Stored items
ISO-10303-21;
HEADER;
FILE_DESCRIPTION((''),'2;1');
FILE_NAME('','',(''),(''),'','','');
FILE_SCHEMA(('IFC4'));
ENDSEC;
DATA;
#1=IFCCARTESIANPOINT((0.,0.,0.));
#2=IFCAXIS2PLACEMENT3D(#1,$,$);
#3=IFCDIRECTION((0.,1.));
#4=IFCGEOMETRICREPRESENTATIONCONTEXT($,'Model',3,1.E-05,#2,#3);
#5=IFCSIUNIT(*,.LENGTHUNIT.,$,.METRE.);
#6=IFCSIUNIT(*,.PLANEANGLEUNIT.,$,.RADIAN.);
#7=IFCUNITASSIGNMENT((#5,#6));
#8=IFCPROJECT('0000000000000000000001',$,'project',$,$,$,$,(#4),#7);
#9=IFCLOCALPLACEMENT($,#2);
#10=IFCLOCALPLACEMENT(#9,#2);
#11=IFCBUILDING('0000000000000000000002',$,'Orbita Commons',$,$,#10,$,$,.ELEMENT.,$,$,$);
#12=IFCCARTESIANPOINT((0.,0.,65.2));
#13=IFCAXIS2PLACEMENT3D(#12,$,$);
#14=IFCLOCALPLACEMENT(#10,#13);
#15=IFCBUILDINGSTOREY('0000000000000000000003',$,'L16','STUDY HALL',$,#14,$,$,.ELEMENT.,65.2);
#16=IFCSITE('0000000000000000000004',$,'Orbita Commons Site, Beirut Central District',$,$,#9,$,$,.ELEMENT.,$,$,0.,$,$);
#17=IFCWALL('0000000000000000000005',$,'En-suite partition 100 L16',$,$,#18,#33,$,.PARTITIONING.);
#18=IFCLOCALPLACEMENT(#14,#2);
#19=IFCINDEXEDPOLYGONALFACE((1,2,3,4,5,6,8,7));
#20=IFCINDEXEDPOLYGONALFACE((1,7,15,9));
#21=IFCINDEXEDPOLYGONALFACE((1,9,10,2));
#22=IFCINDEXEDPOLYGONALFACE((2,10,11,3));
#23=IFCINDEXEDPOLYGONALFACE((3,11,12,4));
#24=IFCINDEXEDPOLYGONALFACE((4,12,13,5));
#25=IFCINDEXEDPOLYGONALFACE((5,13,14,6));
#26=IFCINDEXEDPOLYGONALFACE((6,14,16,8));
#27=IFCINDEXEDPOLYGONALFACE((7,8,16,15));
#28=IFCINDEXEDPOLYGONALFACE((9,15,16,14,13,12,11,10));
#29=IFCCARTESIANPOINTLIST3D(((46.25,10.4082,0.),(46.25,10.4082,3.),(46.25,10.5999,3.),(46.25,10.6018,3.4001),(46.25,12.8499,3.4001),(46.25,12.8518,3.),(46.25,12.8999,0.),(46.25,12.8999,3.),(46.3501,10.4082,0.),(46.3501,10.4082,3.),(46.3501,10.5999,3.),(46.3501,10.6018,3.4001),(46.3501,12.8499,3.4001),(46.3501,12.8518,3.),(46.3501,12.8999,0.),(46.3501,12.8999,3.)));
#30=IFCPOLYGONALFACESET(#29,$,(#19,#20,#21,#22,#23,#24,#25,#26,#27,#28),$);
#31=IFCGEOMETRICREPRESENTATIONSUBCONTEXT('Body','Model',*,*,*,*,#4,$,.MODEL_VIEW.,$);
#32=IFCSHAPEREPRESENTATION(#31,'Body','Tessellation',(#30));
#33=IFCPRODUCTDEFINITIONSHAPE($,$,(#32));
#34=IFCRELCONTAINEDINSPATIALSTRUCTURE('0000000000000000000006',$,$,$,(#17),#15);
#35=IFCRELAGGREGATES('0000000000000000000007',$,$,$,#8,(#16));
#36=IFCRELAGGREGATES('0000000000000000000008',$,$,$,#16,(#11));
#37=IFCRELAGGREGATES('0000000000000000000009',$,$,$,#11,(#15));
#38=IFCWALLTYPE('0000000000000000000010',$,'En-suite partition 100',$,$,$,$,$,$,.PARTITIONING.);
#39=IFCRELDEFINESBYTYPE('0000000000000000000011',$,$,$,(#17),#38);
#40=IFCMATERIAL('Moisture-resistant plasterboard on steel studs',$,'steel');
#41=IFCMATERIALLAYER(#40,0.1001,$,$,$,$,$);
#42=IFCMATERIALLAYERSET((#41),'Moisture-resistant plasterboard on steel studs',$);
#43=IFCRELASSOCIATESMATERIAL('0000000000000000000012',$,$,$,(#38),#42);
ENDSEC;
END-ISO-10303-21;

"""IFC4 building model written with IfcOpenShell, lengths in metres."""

from ifc_helpers import new_model, si_unit, direction, frame, origin, place, context, subcontext, project, spatial, polyline, outline, extrude, material, layer, layer_set, type_object, element, save


model = new_model("IFC4")

# Units and contexts
model_context = context("Model", 3, precision=1e-05, world=origin(), true_north=direction((0.0, 1.0)))
body_context = subcontext(model_context, "Body", "Model", "MODEL_VIEW")
ifc_project = project(units=[si_unit("LENGTHUNIT", "METRE"), si_unit("PLANEANGLEUNIT", "RADIAN")], contexts=[model_context])

# Site, building, storey
site_placement = place(None, origin())
site = spatial("IfcSite", under=ifc_project, at=site_placement, Name="Orbita Commons Site, Beirut Central District", CompositionType="ELEMENT", RefElevation=0.0)
building_placement = place(site_placement, origin())
building = spatial("IfcBuilding", under=site, at=building_placement, Name="Orbita Commons", CompositionType="ELEMENT")
storey_placement = place(building_placement, frame((0.0, 0.0, 65.2)))
storey = spatial("IfcBuildingStorey", under=building, at=storey_placement, Name="L16", Description="STUDY HALL", CompositionType="ELEMENT", Elevation=65.2)

# Shared definitions
ifc_material_1 = material(Name="Moisture-resistant plasterboard on steel studs", Category="steel")
ifc_layer_1 = layer(ifc_material_1, 0.1001)
ifc_layer_set_1 = layer_set([ifc_layer_1], Name="Moisture-resistant plasterboard on steel studs")
wall_type_1 = type_object("IfcWallType", Name="En-suite partition 100", PredefinedType="PARTITIONING", material=ifc_layer_set_1)

# Wall
wall_1_placement = place(storey_placement, frame((46.3, 10.4082, 0.0), z_axis=(0.0, 0.0, 1.0), x_axis=(0.0, 1.0, 0.0)))
element("IfcWall", 1, at=wall_1_placement, inside=storey, type_object=wall_type_1, Name="En-suite partition 100 L16", PredefinedType="PARTITIONING", context=body_context, shape_type="SweptSolid", body=[
    extrude(outline(polyline([(0.0, 0.0), (2.4917, 0.0), (2.4917, 3.0), (2.4436, 3.0), (2.4417, 3.4001), (0.1936, 3.4001), (0.1917, 3.0), (0.0, 3.0), (0.0, 0.0)])), frame((0.0, 0.05, 0.0), z_axis=(0.0, -1.0, 0.0), x_axis=(1.0, 0.0, 0.0)), (0.0, 0.0, 1.0), 0.1001),
])

save(model, "model.ifc")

▶ _Directions_
Each entry above needs to be duplicated verbatim.

▶ _Worked solution_
ISO-10303-21;
HEADER;
FILE_DESCRIPTION((''),'2;1');
FILE_NAME('','',(''),(''),'','','');
FILE_SCHEMA(('IFC4'));
ENDSEC;
DATA;
#1=IFCCARTESIANPOINT((0.,0.,0.));
#2=IFCAXIS2PLACEMENT3D(#1,$,$);
#3=IFCDIRECTION((0.,1.));
#4=IFCGEOMETRICREPRESENTATIONCONTEXT($,'Model',3,1.E-05,#2,#3);
#5=IFCSIUNIT(*,.LENGTHUNIT.,$,.METRE.);
#6=IFCSIUNIT(*,.PLANEANGLEUNIT.,$,.RADIAN.);
#7=IFCUNITASSIGNMENT((#5,#6));
#8=IFCPROJECT('0000000000000000000001',$,'project',$,$,$,$,(#4),#7);
#9=IFCLOCALPLACEMENT($,#2);
#10=IFCLOCALPLACEMENT(#9,#2);
#11=IFCBUILDING('0000000000000000000002',$,'Orbita Commons',$,$,#10,$,$,.ELEMENT.,$,$,$);
#12=IFCCARTESIANPOINT((0.,0.,65.2));
#13=IFCAXIS2PLACEMENT3D(#12,$,$);
#14=IFCLOCALPLACEMENT(#10,#13);
#15=IFCBUILDINGSTOREY('0000000000000000000003',$,'L16','STUDY HALL',$,#14,$,$,.ELEMENT.,65.2);
#16=IFCSITE('0000000000000000000004',$,'Orbita Commons Site, Beirut Central District',$,$,#9,$,$,.ELEMENT.,$,$,0.,$,$);
#17=IFCWALL('0000000000000000000005',$,'En-suite partition 100 L16',$,$,#18,#33,$,.PARTITIONING.);
#18=IFCLOCALPLACEMENT(#14,#2);
#19=IFCINDEXEDPOLYGONALFACE((1,2,3,4,5,6,8,7));
#20=IFCINDEXEDPOLYGONALFACE((1,7,15,9));
#21=IFCINDEXEDPOLYGONALFACE((1,9,10,2));
#22=IFCINDEXEDPOLYGONALFACE((2,10,11,3));
#23=IFCINDEXEDPOLYGONALFACE((3,11,12,4));
#24=IFCINDEXEDPOLYGONALFACE((4,12,13,5));
#25=IFCINDEXEDPOLYGONALFACE((5,13,14,6));
#26=IFCINDEXEDPOLYGONALFACE((6,14,16,8));
#27=IFCINDEXEDPOLYGONALFACE((7,8,16,15));
#28=IFCINDEXEDPOLYGONALFACE((9,15,16,14,13,12,11,10));
#29=IFCCARTESIANPOINTLIST3D(((46.25,10.4082,0.),(46.25,10.4082,3.),(46.25,10.5999,3.),(46.25,10.6018,3.4001),(46.25,12.8499,3.4001),(46.25,12.8518,3.),(46.25,12.8999,0.),(46.25,12.8999,3.),(46.3501,10.4082,0.),(46.3501,10.4082,3.),(46.3501,10.5999,3.),(46.3501,10.6018,3.4001),(46.3501,12.8499,3.4001),(46.3501,12.8518,3.),(46.3501,12.8999,0.),(46.3501,12.8999,3.)));
#30=IFCPOLYGONALFACESET(#29,$,(#19,#20,#21,#22,#23,#24,#25,#26,#27,#28),$);
#31=IFCGEOMETRICREPRESENTATIONSUBCONTEXT('Body','Model',*,*,*,*,#4,$,.MODEL_VIEW.,$);
#32=IFCSHAPEREPRESENTATION(#31,'Body','Tessellation',(#30));
#33=IFCPRODUCTDEFINITIONSHAPE($,$,(#32));
#34=IFCRELCONTAINEDINSPATIALSTRUCTURE('0000000000000000000006',$,$,$,(#17),#15);
#35=IFCRELAGGREGATES('0000000000000000000007',$,$,$,#8,(#16));
#36=IFCRELAGGREGATES('0000000000000000000008',$,$,$,#16,(#11));
#37=IFCRELAGGREGATES('0000000000000000000009',$,$,$,#11,(#15));
#38=IFCWALLTYPE('0000000000000000000010',$,'En-suite partition 100',$,$,$,$,$,$,.PARTITIONING.);
#39=IFCRELDEFINESBYTYPE('0000000000000000000011',$,$,$,(#17),#38);
#40=IFCMATERIAL('Moisture-resistant plasterboard on steel studs',$,'steel');
#41=IFCMATERIALLAYER(#40,0.1001,$,$,$,$,$);
#42=IFCMATERIALLAYERSET((#41),'Moisture-resistant plasterboard on steel studs',$);
#43=IFCRELASSOCIATESMATERIAL('0000000000000000000012',$,$,$,(#38),#42);
ENDSEC;
END-ISO-10303-21;

"""IFC4 building model written with IfcOpenShell, lengths in metres."""

from ifc_helpers import new_model, si_unit, direction, frame, origin, place, context, subcontext, project, spatial, polyline, outline, extrude, material, layer, layer_set, type_object, element, save


model = new_model("IFC4")

# Units and contexts
model_context = context("Model", 3, precision=1e-05, world=origin(), true_north=direction((0.0, 1.0)))
body_context = subcontext(model_context, "Body", "Model", "MODEL_VIEW")
ifc_project = project(units=[si_unit("LENGTHUNIT", "METRE"), si_unit("PLANEANGLEUNIT", "RADIAN")], contexts=[model_context])

# Site, building, storey
site_placement = place(None, origin())
site = spatial("IfcSite", under=ifc_project, at=site_placement, Name="Orbita Commons Site, Beirut Central District", CompositionType="ELEMENT", RefElevation=0.0)
building_placement = place(site_placement, origin())
building = spatial("IfcBuilding", under=site, at=building_placement, Name="Orbita Commons", CompositionType="ELEMENT")
storey_placement = place(building_placement, frame((0.0, 0.0, 65.2)))
storey = spatial("IfcBuildingStorey", under=building, at=storey_placement, Name="L16", Description="STUDY HALL", CompositionType="ELEMENT", Elevation=65.2)

# Shared definitions
ifc_material_1 = material(Name="Moisture-resistant plasterboard on steel studs", Category="steel")
ifc_layer_1 = layer(ifc_material_1, 0.1001)
ifc_layer_set_1 = layer_set([ifc_layer_1], Name="Moisture-resistant plasterboard on steel studs")
wall_type_1 = type_object("IfcWallType", Name="En-suite partition 100", PredefinedType="PARTITIONING", material=ifc_layer_set_1)

# Wall
wall_1_placement = place(storey_placement, frame((46.3, 10.4082, 0.0), z_axis=(0.0, 0.0, 1.0), x_axis=(0.0, 1.0, 0.0)))
element("IfcWall", 1, at=wall_1_placement, inside=storey, type_object=wall_type_1, Name="En-suite partition 100 L16", PredefinedType="PARTITIONING", context=body_context, shape_type="SweptSolid", body=[
    extrude(outline(polyline([(0.0, 0.0), (2.4917, 0.0), (2.4917, 3.0), (2.4436, 3.0), (2.4417, 3.4001), (0.1936, 3.4001), (0.1917, 3.0), (0.0, 3.0), (0.0, 0.0)])), frame((0.0, 0.05, 0.0), z_axis=(0.0, -1.0, 0.0), x_axis=(1.0, 0.0, 0.0)), (0.0, 0.0, 1.0), 0.1001),
])

save(model, "model.ifc")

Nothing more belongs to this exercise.